**What you have to do:**
Reproduce, exactly and in full, only the lines below from the one containing "#37=IFCINDEXEDPOLYGONALFACE((1,3,7,5));" through the one containing "#45=IFCPRODUCTDEFINITIONSHAPE($,$,(#44));".

[[ Exercise material open ]]

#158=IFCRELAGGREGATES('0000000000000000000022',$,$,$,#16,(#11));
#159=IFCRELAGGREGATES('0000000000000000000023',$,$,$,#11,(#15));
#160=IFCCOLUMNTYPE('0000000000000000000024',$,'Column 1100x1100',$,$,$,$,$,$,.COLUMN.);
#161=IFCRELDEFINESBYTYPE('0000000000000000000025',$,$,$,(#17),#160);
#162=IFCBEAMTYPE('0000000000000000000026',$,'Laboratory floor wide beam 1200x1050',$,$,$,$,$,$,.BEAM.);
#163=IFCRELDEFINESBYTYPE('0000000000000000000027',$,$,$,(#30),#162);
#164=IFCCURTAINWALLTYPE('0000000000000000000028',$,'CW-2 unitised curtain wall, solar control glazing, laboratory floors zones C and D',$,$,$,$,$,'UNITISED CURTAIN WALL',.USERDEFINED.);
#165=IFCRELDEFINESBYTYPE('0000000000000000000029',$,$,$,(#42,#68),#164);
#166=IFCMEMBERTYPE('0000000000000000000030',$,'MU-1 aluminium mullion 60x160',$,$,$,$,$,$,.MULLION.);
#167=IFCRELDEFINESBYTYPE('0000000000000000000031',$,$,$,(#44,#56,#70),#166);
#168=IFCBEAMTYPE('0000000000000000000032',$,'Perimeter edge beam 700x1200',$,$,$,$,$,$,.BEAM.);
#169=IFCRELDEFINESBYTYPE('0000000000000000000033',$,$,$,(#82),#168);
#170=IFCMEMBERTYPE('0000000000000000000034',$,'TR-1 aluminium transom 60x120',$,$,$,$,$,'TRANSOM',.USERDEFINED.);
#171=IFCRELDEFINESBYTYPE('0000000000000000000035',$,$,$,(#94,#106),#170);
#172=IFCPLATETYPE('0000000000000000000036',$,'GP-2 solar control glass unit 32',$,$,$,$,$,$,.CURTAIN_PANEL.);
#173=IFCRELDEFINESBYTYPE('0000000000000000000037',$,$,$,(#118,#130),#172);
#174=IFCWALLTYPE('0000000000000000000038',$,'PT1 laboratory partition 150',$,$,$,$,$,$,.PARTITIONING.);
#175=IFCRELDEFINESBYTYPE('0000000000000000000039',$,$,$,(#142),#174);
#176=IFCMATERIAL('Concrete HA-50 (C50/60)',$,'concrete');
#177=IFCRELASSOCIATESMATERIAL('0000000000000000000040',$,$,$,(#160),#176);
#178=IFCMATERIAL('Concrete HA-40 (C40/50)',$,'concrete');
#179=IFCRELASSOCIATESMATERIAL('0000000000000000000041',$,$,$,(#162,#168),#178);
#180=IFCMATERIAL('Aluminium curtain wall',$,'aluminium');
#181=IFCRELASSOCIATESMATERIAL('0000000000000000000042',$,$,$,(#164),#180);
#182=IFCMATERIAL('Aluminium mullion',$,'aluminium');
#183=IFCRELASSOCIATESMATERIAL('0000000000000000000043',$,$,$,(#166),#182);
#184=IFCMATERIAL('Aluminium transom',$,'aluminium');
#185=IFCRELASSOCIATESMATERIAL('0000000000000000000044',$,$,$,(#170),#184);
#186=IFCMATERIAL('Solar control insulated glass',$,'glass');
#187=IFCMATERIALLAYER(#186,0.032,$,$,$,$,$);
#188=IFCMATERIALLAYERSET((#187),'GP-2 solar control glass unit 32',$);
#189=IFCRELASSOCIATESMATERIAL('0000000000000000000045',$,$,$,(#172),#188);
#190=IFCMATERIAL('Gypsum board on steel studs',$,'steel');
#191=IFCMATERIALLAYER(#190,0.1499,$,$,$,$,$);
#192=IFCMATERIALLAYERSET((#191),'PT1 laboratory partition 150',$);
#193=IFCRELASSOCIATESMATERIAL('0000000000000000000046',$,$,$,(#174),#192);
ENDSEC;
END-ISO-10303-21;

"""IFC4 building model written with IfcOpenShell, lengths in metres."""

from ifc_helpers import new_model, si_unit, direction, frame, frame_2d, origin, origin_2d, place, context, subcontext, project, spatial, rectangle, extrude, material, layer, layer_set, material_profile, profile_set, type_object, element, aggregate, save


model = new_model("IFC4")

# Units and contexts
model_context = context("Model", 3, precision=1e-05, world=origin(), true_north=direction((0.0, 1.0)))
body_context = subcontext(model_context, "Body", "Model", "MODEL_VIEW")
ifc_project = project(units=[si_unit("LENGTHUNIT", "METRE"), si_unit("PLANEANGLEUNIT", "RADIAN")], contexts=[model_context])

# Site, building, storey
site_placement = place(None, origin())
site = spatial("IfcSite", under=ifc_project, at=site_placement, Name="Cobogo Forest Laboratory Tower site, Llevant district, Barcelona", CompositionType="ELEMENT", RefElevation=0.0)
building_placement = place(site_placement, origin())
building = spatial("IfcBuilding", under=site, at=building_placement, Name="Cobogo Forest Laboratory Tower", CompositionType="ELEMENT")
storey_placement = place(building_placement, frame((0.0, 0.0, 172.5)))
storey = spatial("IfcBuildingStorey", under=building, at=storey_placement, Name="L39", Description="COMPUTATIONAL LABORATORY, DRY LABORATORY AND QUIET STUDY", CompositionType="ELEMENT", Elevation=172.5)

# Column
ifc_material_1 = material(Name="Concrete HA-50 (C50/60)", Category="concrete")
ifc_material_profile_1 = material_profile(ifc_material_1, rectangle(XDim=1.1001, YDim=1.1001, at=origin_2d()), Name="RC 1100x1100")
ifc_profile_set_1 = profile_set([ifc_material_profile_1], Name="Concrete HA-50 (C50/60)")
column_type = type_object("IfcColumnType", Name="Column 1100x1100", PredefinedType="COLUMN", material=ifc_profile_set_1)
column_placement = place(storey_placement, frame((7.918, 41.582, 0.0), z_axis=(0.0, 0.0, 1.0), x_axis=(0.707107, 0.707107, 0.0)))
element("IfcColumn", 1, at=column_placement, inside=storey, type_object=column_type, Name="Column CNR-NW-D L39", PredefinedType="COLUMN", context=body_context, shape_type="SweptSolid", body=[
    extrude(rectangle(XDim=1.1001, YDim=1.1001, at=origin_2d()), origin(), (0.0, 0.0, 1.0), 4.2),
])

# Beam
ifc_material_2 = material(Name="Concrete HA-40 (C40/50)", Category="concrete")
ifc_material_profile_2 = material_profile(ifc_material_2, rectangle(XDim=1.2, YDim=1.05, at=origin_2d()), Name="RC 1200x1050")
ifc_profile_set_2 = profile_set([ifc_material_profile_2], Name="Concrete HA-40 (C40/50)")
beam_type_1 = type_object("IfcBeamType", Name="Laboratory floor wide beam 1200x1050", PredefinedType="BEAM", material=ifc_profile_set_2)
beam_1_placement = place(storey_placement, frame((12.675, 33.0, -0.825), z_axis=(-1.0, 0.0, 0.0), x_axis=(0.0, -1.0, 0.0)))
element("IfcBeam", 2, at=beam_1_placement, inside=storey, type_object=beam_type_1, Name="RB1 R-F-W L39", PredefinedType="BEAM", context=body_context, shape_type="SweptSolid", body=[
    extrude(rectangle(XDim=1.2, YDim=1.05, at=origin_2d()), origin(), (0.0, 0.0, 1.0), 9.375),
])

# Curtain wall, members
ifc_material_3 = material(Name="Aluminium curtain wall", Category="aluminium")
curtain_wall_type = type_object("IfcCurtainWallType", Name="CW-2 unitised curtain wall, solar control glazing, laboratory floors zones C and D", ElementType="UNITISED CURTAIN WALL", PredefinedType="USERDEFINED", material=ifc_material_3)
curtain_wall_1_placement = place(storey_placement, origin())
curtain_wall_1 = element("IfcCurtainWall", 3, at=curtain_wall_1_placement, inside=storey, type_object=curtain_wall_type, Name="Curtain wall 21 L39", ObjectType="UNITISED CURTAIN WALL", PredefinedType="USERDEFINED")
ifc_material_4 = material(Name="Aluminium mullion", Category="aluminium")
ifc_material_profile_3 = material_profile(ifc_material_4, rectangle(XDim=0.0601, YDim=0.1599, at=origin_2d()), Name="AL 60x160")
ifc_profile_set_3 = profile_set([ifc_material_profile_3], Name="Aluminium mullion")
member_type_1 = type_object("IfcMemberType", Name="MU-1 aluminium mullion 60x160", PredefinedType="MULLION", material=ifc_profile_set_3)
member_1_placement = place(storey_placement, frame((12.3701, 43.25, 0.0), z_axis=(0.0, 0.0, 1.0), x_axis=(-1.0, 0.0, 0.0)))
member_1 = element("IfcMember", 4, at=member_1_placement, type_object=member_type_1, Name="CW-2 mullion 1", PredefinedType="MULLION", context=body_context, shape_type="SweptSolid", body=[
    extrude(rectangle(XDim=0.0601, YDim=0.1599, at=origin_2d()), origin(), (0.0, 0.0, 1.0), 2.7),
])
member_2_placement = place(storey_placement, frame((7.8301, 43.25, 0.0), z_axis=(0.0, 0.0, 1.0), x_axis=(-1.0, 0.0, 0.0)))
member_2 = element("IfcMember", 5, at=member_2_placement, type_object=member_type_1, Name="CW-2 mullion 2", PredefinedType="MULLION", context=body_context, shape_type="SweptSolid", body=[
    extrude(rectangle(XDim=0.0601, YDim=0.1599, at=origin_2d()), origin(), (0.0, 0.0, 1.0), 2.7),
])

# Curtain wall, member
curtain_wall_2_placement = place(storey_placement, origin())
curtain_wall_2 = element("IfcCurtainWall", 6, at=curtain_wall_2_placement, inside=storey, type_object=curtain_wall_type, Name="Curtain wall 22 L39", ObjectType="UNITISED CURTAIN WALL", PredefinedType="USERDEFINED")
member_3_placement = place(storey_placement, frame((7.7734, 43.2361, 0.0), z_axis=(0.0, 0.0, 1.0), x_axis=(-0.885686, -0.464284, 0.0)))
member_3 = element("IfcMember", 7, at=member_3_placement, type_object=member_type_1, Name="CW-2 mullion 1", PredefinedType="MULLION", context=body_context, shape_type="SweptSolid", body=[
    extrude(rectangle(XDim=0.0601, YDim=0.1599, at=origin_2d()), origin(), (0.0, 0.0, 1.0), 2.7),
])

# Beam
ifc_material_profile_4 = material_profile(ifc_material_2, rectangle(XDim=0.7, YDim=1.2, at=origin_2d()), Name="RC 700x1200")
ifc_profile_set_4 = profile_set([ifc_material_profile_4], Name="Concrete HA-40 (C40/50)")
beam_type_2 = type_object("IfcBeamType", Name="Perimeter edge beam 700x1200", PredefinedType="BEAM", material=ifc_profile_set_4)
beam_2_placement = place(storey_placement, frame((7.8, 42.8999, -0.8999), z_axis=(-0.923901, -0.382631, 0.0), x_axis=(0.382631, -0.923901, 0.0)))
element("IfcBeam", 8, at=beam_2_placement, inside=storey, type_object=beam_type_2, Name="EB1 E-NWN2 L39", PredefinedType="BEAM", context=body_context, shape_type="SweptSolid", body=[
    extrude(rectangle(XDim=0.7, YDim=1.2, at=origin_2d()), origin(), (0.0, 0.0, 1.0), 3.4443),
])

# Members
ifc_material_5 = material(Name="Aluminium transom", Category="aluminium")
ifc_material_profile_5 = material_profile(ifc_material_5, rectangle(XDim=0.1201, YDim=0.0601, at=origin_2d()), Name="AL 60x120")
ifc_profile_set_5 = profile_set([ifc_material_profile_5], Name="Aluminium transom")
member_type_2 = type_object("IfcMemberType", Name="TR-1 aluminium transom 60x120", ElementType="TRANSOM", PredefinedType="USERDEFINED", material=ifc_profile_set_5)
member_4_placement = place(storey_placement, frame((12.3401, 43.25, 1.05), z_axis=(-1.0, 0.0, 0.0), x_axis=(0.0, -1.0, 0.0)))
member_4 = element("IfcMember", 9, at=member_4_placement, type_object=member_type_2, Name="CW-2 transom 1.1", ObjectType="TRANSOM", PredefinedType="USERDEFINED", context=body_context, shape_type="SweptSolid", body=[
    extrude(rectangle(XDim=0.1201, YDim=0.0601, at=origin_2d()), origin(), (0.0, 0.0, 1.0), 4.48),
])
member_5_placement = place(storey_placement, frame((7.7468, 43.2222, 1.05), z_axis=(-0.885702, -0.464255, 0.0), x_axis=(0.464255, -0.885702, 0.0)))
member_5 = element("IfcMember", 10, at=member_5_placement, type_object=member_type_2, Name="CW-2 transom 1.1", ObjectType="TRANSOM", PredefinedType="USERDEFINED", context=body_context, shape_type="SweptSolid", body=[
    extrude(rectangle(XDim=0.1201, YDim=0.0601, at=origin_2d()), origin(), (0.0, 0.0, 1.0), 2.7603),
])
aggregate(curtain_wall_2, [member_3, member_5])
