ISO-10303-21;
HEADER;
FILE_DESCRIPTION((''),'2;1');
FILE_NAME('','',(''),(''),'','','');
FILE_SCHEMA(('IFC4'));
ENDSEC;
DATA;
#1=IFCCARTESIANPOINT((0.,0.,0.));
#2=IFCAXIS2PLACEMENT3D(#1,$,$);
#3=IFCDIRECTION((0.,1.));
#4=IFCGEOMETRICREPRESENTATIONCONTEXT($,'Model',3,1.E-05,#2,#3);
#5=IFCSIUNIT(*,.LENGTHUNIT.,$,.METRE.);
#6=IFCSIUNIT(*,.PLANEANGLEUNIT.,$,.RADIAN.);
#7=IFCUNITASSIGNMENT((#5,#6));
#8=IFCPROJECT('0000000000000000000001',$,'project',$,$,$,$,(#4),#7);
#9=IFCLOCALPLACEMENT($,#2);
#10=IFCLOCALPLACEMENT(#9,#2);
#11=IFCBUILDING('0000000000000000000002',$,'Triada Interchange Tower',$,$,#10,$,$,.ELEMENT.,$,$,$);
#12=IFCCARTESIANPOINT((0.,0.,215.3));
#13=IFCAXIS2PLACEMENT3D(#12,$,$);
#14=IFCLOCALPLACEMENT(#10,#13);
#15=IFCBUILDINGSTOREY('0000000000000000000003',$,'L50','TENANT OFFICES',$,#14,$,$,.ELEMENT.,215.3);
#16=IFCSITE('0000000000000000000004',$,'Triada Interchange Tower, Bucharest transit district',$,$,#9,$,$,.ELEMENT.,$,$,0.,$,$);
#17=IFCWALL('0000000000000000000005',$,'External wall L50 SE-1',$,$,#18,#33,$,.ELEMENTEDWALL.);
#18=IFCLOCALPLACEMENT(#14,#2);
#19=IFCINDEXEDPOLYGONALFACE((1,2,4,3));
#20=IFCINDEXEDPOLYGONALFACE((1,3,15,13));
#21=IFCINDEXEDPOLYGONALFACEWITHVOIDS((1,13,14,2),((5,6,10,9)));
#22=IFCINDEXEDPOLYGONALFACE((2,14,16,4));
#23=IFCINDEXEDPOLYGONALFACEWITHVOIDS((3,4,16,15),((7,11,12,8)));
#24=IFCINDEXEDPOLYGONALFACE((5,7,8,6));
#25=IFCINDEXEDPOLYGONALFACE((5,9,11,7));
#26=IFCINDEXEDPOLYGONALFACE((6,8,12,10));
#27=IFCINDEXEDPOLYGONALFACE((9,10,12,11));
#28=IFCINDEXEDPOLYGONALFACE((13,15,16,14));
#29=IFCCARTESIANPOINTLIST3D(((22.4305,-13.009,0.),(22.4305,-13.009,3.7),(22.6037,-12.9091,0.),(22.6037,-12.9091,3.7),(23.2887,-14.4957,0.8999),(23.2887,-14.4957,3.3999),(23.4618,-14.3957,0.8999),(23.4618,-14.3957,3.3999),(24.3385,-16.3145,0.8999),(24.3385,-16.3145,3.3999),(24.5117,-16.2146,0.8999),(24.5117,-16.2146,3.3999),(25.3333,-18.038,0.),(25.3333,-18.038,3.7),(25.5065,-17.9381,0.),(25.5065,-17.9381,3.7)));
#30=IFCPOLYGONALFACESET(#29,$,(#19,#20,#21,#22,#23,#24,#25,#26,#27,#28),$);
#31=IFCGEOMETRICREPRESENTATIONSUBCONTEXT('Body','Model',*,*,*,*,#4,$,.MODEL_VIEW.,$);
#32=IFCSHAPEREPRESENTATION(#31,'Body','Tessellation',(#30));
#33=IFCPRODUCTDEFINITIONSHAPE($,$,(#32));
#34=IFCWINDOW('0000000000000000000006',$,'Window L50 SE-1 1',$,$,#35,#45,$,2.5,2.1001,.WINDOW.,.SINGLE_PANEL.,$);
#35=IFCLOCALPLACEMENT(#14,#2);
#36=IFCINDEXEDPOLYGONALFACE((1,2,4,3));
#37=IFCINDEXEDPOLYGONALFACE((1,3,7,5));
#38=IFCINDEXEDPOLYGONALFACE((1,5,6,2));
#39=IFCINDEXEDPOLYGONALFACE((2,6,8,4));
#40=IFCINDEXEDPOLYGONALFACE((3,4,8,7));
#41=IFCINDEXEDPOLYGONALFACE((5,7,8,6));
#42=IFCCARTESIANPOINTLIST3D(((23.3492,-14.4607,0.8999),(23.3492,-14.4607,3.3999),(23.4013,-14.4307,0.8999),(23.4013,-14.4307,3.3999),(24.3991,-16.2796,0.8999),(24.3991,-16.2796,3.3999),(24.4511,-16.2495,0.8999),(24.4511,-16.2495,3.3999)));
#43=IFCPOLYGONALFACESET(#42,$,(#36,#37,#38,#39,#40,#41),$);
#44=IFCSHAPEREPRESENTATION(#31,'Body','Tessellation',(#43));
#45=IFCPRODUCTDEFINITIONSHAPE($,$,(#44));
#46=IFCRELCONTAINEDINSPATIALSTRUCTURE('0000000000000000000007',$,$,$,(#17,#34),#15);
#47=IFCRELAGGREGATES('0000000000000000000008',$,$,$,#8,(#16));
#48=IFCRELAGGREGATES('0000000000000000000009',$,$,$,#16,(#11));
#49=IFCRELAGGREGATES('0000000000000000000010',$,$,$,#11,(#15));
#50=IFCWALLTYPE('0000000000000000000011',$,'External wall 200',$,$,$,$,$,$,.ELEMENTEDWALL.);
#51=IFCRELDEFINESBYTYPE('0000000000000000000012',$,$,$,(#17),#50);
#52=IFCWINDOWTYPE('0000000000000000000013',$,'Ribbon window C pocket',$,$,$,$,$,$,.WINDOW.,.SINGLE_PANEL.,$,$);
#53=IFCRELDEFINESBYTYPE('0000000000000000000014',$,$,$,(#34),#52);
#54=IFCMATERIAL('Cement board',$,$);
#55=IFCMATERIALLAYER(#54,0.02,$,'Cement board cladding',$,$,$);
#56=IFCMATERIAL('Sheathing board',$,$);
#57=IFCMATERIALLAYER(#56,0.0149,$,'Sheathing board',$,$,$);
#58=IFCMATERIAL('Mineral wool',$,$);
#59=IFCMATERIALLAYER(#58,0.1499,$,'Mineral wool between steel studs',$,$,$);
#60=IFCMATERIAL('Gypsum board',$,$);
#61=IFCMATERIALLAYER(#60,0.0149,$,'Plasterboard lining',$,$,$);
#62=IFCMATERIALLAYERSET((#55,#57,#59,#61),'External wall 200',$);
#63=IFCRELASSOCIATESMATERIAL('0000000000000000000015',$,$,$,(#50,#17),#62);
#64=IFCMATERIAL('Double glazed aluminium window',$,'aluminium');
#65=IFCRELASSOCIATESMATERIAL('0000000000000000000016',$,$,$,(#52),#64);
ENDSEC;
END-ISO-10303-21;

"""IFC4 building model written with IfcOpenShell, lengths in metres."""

from ifc_helpers import new_model, si_unit, direction, frame, frame_2d, origin, place, context, subcontext, project, spatial, rectangle, extrude, material, layer, layer_set, layer_usage, type_object, element, fill, save


model = new_model("IFC4")

# Units and contexts
model_context = context("Model", 3, precision=1e-05, world=origin(), true_north=direction((0.0, 1.0)))
body_context = subcontext(model_context, "Body", "Model", "MODEL_VIEW")
ifc_project = project(units=[si_unit("LENGTHUNIT", "METRE"), si_unit("PLANEANGLEUNIT", "RADIAN")], contexts=[model_context])

# Site, building, storey
site_placement = place(None, origin())
site = spatial("IfcSite", under=ifc_project, at=site_placement, Name="Triada Interchange Tower, Bucharest transit district", CompositionType="ELEMENT", RefElevation=0.0)
building_placement = place(site_placement, origin())
building = spatial("IfcBuilding", under=site, at=building_placement, Name="Triada Interchange Tower", CompositionType="ELEMENT")
storey_placement = place(building_placement, frame((0.0, 0.0, 215.3)))
storey = spatial("IfcBuildingStorey", under=building, at=storey_placement, Name="L50", Description="TENANT OFFICES", CompositionType="ELEMENT", Elevation=215.3)

# Wall, opening, window
ifc_material_1 = material(Name="Cement board")
ifc_layer_1 = layer(ifc_material_1, 0.02, Name="Cement board cladding")
ifc_material_2 = material(Name="Sheathing board")
ifc_layer_2 = layer(ifc_material_2, 0.0149, Name="Sheathing board")
ifc_material_3 = material(Name="Mineral wool")
ifc_layer_3 = layer(ifc_material_3, 0.1499, Name="Mineral wool between steel studs")
ifc_material_4 = material(Name="Gypsum board")
ifc_layer_4 = layer(ifc_material_4, 0.0149, Name="Plasterboard lining")
ifc_layer_set_1 = layer_set([ifc_layer_1, ifc_layer_2, ifc_layer_3, ifc_layer_4], Name="External wall 200")
ifc_layer_usage = layer_usage(ifc_layer_set_1, "AXIS2", "POSITIVE", -0.1001)
wall_type = type_object("IfcWallType", Name="External wall 200", PredefinedType="ELEMENTEDWALL", material=ifc_layer_set_1)
wall_1_placement = place(storey_placement, frame((25.4199, -17.988, 0.0), z_axis=(0.0, 0.0, 1.0), x_axis=(-0.49991, 0.866077, 0.0)))
wall_1 = element("IfcWall", 1, at=wall_1_placement, inside=storey, type_object=wall_type, material=ifc_layer_usage, Name="External wall L50 SE-1", PredefinedType="ELEMENTEDWALL", context=body_context, shape_type="SweptSolid", body=[
    extrude(rectangle(XDim=5.8066, YDim=0.2, at=frame_2d((2.9033, 0.0))), origin(), (0.0, 0.0, 1.0), 3.7),
])
opening_1_placement = place(wall_1_placement, frame((1.99, 0.0, 0.8999)))
opening_1 = element("IfcOpeningElement", 2, at=opening_1_placement, cuts=wall_1, PredefinedType="OPENING", context=body_context, shape_type="SweptSolid", body=[
    extrude(rectangle(XDim=2.1001, YDim=2.5, at=frame_2d((1.05, 1.25))), frame((0.0, 0.1099, 0.0), z_axis=(0.0, -1.0, 0.0), x_axis=(1.0, 0.0, 0.0)), (0.0, 0.0, 1.0), 0.22),
])
ifc_material_5 = material(Name="Double glazed aluminium window", Category="aluminium")
window_type_1 = type_object("IfcWindowType", Name="Ribbon window C pocket", PartitioningType="SINGLE_PANEL", PredefinedType="WINDOW", material=ifc_material_5)
window_1_placement = place(opening_1_placement, origin())
window_1 = element("IfcWindow", 3, at=window_1_placement, inside=storey, type_object=window_type_1, Name="Window L50 SE-1 1", OverallHeight=2.5, OverallWidth=2.1001, PartitioningType="SINGLE_PANEL", PredefinedType="WINDOW", context=body_context, shape_type="SweptSolid", body=[
    extrude(rectangle(XDim=2.1001, YDim=2.5, at=frame_2d((1.05, 1.25))), frame((0.0, 0.03, 0.0), z_axis=(0.0, -1.0, 0.0), x_axis=(1.0, 0.0, 0.0)), (0.0, 0.0, 1.0), 0.0601),
])
fill(opening_1, window_1)

save(model, "model.ifc")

[[ Exercise material closed ]]

**Result of this exercise:**
#37=IFCINDEXEDPOLYGONALFACE((1,3,7,5));
#38=IFCINDEXEDPOLYGONALFACE((1,5,6,2));
#39=IFCINDEXEDPOLYGONALFACE((2,6,8,4));
#40=IFCINDEXEDPOLYGONALFACE((3,4,8,7));
#41=IFCINDEXEDPOLYGONALFACE((5,7,8,6));
#42=IFCCARTESIANPOINTLIST3D(((23.3492,-14.4607,0.8999),(23.3492,-14.4607,3.3999),(23.4013,-14.4307,0.8999),(23.4013,-14.4307,3.3999),(24.3991,-16.2796,0.8999),(24.3991,-16.2796,3.3999),(24.4511,-16.2495,0.8999),(24.4511,-16.2495,3.3999)));
#43=IFCPOLYGONALFACESET(#42,$,(#36,#37,#38,#39,#40,#41),$);
#44=IFCSHAPEREPRESENTATION(#31,'Body','Tessellation',(#43));
#45=IFCPRODUCTDEFINITIONSHAPE($,$,(#44));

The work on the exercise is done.